• [TASK ITEM] Your task is to copy the stretch of lines in the records below that begins with the line containing "FILE_DESCRIPTION((''),'2;1');" and ends with the line containing "#10=IFCLOCALPLACEMENT(#9,#2);", exactly as written, with nothing added.

++++ WORKING DATA

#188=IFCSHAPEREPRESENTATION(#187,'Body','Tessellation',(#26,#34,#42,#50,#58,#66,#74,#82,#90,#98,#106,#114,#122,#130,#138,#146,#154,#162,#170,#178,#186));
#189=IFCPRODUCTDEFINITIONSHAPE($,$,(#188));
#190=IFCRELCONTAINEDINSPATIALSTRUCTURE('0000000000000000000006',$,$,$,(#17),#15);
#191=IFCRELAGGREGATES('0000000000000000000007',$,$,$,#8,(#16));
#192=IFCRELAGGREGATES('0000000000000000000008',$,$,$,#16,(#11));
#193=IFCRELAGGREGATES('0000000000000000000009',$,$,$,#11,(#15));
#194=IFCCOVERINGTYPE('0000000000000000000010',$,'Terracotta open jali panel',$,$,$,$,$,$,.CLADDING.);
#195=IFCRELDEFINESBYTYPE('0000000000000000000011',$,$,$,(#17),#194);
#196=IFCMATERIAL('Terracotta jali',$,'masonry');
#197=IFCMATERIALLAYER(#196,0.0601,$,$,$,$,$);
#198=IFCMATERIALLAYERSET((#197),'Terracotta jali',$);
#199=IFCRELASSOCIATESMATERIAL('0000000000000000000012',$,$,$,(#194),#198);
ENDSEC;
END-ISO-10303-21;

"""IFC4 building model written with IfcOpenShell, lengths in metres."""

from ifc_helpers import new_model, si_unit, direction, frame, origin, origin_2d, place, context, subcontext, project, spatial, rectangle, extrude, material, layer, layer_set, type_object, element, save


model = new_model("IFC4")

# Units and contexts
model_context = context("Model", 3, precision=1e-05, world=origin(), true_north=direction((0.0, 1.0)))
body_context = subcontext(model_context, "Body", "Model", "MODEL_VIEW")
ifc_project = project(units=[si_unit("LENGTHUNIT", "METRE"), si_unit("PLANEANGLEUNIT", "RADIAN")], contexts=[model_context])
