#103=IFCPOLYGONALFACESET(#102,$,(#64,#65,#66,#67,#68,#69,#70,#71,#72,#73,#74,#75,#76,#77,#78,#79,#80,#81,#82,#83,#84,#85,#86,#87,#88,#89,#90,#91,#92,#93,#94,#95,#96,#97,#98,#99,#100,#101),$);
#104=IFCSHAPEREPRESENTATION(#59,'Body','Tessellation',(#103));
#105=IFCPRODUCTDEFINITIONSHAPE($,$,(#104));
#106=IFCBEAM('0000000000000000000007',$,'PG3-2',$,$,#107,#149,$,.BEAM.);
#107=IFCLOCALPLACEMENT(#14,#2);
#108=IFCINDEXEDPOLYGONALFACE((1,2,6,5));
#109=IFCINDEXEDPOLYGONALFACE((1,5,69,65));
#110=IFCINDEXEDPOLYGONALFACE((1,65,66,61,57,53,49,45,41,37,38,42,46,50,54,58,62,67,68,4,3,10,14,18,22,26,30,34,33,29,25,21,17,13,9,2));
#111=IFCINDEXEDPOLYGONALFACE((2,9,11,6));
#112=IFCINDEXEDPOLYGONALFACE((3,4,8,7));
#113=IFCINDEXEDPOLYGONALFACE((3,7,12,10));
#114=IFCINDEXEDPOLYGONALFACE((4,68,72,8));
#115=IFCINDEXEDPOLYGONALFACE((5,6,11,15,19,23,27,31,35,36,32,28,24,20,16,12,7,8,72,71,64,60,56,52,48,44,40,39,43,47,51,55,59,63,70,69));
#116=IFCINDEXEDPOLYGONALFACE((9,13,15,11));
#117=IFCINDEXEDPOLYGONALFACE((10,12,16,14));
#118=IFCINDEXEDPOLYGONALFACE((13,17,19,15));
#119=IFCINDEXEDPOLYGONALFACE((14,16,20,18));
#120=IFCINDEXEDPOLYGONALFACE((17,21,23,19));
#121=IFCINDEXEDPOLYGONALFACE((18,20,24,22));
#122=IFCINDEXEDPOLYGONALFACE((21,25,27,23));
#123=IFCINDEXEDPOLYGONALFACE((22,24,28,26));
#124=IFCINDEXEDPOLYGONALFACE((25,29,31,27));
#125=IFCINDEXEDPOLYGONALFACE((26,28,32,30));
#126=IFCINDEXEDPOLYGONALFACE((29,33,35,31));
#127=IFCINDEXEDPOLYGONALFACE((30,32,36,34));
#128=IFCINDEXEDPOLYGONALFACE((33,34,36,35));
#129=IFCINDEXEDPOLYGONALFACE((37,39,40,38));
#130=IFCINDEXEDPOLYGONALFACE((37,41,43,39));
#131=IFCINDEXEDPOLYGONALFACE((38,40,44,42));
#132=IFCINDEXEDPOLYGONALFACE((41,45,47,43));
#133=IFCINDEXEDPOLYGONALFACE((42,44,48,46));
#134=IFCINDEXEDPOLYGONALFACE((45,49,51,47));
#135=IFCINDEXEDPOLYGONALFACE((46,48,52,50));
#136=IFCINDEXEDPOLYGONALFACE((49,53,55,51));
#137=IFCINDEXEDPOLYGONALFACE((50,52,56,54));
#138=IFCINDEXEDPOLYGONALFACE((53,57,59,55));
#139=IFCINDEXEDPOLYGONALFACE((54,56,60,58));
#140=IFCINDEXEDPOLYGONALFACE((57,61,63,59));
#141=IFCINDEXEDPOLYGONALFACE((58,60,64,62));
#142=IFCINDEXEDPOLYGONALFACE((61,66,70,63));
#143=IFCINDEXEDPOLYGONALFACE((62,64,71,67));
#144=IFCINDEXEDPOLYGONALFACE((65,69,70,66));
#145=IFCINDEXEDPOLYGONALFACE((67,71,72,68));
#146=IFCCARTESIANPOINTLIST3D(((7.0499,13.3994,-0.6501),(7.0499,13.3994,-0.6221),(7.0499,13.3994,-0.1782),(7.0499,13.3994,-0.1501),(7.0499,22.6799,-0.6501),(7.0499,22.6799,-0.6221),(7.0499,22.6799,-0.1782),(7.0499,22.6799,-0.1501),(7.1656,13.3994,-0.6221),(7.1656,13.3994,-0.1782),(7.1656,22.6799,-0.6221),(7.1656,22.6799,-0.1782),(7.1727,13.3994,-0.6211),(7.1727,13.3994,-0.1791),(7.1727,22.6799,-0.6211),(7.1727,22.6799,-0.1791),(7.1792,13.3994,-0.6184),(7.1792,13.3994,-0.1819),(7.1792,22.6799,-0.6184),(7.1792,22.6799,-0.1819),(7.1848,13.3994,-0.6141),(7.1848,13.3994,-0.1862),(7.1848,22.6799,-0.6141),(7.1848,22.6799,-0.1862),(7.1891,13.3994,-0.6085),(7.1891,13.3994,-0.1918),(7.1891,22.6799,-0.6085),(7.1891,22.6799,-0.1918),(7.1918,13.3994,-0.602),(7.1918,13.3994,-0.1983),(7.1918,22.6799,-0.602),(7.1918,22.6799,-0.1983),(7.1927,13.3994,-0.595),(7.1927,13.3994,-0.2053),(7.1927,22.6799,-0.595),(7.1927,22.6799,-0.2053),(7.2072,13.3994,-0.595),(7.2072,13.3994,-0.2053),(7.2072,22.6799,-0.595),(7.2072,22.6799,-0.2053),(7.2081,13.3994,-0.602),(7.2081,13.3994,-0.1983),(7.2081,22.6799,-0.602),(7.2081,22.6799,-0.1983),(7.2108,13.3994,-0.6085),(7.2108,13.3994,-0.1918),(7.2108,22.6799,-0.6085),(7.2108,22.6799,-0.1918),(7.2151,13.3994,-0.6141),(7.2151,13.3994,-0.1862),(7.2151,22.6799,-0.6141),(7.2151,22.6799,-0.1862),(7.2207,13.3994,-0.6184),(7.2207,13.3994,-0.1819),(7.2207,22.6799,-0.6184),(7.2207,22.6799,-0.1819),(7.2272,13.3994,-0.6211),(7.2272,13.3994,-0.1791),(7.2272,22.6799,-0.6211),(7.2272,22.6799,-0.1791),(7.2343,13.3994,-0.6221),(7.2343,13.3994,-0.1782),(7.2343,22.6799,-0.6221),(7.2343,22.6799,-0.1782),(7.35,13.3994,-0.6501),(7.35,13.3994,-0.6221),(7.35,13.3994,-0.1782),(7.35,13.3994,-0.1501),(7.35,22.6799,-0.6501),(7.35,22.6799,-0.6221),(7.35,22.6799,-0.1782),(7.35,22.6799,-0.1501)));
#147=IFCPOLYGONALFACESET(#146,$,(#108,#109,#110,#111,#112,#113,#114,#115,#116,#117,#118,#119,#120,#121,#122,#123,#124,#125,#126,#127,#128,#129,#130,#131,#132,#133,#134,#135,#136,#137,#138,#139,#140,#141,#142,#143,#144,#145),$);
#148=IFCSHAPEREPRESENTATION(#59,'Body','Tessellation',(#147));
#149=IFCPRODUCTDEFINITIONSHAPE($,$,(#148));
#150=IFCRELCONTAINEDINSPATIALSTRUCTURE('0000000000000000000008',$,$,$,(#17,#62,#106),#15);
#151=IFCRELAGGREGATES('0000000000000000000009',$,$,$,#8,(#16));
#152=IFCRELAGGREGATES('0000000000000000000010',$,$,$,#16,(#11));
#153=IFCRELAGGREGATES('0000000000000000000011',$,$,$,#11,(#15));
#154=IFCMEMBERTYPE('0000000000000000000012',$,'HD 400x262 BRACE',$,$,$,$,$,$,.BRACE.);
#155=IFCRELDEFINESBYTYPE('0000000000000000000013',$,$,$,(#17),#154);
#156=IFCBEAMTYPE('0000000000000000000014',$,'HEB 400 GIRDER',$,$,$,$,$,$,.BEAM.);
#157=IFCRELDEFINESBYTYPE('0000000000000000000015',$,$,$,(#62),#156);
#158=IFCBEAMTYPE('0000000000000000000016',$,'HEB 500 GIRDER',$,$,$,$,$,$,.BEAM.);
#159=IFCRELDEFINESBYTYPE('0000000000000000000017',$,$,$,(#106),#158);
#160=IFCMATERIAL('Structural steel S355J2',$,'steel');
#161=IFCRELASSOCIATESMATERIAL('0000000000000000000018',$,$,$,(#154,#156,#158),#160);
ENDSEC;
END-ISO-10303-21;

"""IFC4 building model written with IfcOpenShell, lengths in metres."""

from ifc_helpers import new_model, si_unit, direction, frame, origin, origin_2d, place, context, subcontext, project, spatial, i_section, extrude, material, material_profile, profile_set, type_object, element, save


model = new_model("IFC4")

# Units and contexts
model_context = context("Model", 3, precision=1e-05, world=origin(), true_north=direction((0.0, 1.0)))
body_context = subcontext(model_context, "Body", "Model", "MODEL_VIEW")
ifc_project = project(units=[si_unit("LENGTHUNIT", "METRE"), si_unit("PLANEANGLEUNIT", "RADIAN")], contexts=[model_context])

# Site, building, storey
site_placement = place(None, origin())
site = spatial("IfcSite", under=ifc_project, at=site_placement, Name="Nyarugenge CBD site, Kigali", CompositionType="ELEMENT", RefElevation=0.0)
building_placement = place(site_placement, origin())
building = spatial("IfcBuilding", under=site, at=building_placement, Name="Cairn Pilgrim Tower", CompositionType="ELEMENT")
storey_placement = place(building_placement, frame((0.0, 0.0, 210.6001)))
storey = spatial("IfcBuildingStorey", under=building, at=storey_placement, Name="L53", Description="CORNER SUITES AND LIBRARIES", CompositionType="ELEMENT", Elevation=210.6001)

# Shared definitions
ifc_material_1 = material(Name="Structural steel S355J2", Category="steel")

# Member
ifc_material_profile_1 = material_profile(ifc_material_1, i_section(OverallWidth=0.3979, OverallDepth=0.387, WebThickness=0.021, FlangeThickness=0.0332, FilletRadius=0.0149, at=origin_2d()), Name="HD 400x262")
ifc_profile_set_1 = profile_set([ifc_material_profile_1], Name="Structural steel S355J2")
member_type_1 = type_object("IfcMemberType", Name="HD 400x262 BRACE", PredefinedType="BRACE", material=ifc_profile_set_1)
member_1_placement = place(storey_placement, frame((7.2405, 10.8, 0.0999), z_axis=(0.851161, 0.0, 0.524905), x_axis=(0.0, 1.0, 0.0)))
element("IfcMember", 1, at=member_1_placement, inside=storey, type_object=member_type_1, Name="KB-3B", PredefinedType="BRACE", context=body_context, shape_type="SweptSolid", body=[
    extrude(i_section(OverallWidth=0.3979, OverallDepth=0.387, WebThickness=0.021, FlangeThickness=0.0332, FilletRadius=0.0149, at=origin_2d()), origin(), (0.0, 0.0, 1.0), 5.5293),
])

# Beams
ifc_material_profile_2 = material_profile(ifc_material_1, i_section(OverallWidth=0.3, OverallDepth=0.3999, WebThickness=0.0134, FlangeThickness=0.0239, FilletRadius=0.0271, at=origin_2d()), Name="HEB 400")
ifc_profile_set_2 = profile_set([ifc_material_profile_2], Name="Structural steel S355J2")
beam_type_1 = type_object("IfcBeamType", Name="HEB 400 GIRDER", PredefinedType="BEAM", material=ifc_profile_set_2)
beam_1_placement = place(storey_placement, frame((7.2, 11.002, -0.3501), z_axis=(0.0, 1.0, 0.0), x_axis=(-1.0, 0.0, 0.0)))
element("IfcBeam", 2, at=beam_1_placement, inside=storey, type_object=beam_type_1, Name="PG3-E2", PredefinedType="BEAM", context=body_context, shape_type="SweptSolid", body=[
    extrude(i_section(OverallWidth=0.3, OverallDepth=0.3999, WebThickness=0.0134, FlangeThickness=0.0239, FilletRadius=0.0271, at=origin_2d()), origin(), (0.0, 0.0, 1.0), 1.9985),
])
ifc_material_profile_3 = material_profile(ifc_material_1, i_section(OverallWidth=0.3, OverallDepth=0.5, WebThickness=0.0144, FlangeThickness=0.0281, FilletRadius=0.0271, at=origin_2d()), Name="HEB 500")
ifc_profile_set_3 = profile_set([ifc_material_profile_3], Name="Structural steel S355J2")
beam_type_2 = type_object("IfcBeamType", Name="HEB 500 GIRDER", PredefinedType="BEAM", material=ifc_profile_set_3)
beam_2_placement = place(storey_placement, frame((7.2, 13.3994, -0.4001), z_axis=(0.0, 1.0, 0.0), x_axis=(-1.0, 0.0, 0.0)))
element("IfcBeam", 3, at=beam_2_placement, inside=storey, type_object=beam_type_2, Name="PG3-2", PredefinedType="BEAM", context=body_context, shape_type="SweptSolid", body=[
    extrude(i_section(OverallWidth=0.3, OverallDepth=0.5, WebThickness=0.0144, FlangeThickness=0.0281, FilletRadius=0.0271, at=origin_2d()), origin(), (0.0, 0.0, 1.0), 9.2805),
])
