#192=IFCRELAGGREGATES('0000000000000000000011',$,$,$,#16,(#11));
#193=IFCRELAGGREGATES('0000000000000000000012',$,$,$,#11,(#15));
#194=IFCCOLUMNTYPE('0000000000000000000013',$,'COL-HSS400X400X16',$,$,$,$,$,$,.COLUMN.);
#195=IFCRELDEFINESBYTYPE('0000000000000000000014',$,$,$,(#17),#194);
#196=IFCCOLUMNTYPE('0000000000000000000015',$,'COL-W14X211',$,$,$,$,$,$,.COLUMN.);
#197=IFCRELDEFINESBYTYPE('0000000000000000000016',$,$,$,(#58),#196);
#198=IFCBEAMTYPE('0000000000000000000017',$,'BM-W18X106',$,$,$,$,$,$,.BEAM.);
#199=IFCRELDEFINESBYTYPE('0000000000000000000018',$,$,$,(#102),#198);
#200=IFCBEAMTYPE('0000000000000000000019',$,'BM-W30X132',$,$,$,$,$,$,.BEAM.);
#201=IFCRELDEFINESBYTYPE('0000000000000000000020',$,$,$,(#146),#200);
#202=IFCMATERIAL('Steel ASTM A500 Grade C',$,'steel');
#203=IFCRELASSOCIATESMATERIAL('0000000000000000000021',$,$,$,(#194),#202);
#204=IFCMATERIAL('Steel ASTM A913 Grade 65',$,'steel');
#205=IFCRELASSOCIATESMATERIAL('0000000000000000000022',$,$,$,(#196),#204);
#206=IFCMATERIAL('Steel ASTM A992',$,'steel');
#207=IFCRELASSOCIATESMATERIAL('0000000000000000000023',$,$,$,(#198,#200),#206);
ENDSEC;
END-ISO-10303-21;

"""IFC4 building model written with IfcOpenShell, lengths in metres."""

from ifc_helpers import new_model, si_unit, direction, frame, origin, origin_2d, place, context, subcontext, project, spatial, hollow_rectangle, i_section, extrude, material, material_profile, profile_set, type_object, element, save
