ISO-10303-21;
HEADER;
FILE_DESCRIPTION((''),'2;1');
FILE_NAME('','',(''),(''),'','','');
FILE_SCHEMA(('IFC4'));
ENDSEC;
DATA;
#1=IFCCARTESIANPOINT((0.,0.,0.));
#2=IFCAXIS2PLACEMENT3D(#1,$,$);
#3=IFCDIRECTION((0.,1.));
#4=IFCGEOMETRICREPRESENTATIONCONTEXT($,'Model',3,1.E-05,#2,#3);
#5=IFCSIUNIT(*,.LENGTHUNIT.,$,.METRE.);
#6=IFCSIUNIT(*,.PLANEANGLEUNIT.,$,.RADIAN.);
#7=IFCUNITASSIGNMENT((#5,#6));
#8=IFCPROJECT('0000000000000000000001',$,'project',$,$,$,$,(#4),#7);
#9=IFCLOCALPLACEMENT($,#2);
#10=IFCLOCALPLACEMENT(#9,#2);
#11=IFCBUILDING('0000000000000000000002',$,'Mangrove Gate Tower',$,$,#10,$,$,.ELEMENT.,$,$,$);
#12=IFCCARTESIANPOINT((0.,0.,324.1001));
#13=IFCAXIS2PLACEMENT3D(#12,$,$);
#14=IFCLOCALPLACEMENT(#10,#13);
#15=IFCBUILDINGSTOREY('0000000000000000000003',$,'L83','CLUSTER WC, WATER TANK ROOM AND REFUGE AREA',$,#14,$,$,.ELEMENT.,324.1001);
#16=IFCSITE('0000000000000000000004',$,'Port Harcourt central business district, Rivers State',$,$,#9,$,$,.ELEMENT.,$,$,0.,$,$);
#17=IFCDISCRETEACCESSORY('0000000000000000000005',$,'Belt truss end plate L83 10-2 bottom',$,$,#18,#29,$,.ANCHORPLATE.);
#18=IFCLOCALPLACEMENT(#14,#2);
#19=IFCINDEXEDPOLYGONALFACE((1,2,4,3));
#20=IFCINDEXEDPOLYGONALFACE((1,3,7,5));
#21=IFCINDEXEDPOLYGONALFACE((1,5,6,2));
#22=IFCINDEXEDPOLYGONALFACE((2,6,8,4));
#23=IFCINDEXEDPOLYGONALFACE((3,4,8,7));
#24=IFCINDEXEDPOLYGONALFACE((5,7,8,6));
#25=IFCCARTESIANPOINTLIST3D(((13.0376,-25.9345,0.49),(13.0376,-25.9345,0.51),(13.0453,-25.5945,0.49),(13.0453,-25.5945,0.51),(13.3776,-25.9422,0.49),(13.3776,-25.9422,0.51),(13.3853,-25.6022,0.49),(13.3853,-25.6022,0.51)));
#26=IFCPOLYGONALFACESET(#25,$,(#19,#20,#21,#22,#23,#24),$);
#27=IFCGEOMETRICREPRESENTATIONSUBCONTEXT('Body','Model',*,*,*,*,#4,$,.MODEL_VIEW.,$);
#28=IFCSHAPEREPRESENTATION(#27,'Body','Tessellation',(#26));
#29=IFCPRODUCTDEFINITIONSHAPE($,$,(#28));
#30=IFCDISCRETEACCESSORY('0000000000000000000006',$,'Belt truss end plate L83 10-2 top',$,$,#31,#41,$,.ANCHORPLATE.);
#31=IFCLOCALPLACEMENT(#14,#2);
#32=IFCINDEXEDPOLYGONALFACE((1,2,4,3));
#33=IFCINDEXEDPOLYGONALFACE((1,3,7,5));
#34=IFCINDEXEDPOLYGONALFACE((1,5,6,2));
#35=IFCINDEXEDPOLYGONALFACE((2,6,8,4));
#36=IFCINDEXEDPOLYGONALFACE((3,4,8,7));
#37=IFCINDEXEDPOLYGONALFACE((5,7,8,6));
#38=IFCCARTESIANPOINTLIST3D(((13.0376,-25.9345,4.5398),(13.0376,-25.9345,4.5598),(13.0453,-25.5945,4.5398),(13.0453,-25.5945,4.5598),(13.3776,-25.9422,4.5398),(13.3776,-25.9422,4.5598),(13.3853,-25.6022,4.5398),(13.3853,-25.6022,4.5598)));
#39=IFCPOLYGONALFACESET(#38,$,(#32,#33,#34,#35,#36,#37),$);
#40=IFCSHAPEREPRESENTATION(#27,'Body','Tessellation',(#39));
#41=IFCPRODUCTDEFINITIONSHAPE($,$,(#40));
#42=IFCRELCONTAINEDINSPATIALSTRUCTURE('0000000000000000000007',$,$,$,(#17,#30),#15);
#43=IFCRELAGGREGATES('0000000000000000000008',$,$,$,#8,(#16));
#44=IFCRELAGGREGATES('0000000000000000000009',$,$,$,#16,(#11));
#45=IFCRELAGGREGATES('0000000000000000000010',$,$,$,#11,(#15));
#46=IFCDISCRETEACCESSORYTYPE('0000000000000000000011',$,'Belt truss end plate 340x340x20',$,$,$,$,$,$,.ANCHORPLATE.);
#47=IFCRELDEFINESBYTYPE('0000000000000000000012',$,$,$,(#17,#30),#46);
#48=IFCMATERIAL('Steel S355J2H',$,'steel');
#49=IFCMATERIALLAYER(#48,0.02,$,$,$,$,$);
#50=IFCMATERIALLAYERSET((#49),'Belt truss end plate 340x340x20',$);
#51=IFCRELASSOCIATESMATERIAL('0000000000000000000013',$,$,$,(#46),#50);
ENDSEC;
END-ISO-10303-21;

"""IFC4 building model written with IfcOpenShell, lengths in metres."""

from ifc_helpers import new_model, si_unit, direction, frame, origin, origin_2d, place, context, subcontext, project, spatial, rectangle, extrude, material, layer, layer_set, type_object, element, save


model = new_model("IFC4")

# Units and contexts
model_context = context("Model", 3, precision=1e-05, world=origin(), true_north=direction((0.0, 1.0)))
body_context = subcontext(model_context, "Body", "Model", "MODEL_VIEW")
ifc_project = project(units=[si_unit("LENGTHUNIT", "METRE"), si_unit("PLANEANGLEUNIT", "RADIAN")], contexts=[model_context])

# Site, building, storey
site_placement = place(None, origin())
site = spatial("IfcSite", under=ifc_project, at=site_placement, Name="Port Harcourt central business district, Rivers State", CompositionType="ELEMENT", RefElevation=0.0)
building_placement = place(site_placement, origin())
building = spatial("IfcBuilding", under=site, at=building_placement, Name="Mangrove Gate Tower", CompositionType="ELEMENT")
storey_placement = place(building_placement, frame((0.0, 0.0, 324.1001)))
storey = spatial("IfcBuildingStorey", under=building, at=storey_placement, Name="L83", Description="CLUSTER WC, WATER TANK ROOM AND REFUGE AREA", CompositionType="ELEMENT", Elevation=324.1001)

# Discrete accessories
ifc_material_1 = material(Name="Steel S355J2H", Category="steel")
ifc_layer_1 = layer(ifc_material_1, 0.02)
ifc_layer_set_1 = layer_set([ifc_layer_1], Name="Belt truss end plate 340x340x20")
discrete_accessory_type = type_object("IfcDiscreteAccessoryType", Name="Belt truss end plate 340x340x20", PredefinedType="ANCHORPLATE", material=ifc_layer_set_1)
for number, where, z_axis, x_axis, name in (
    (1, (13.2114, -25.7683, 0.49), (0.0, 0.0, 1.0), (0.999743, -0.022654, 0.0), "Belt truss end plate L83 10-2 bottom"),
    (2, (13.2114, -25.7683, 4.5398), (0.0, 0.0, 1.0), (0.999743, -0.022654, 0.0), "Belt truss end plate L83 10-2 top"),
):
    element("IfcDiscreteAccessory", number, at=place(storey_placement, frame(where, z_axis=z_axis, x_axis=x_axis)), inside=storey, type_object=discrete_accessory_type, Name=name, PredefinedType="ANCHORPLATE", context=body_context, shape_type="SweptSolid", body=[
        extrude(rectangle(XDim=0.3401, YDim=0.3401, at=origin_2d()), origin(), (0.0, 0.0, 1.0), 0.02),
    ])

save(model, "model.ifc")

++++++++

• [RESULT]
FILE_DESCRIPTION((''),'2;1');
FILE_NAME('','',(''),(''),'','','');
FILE_SCHEMA(('IFC4'));
ENDSEC;
DATA;
#1=IFCCARTESIANPOINT((0.,0.,0.));
#2=IFCAXIS2PLACEMENT3D(#1,$,$);
#3=IFCDIRECTION((0.,1.));
#4=IFCGEOMETRICREPRESENTATIONCONTEXT($,'Model',3,1.E-05,#2,#3);
#5=IFCSIUNIT(*,.LENGTHUNIT.,$,.METRE.);
#6=IFCSIUNIT(*,.PLANEANGLEUNIT.,$,.RADIAN.);
#7=IFCUNITASSIGNMENT((#5,#6));
#8=IFCPROJECT('0000000000000000000001',$,'project',$,$,$,$,(#4),#7);
#9=IFCLOCALPLACEMENT($,#2);
#10=IFCLOCALPLACEMENT(#9,#2);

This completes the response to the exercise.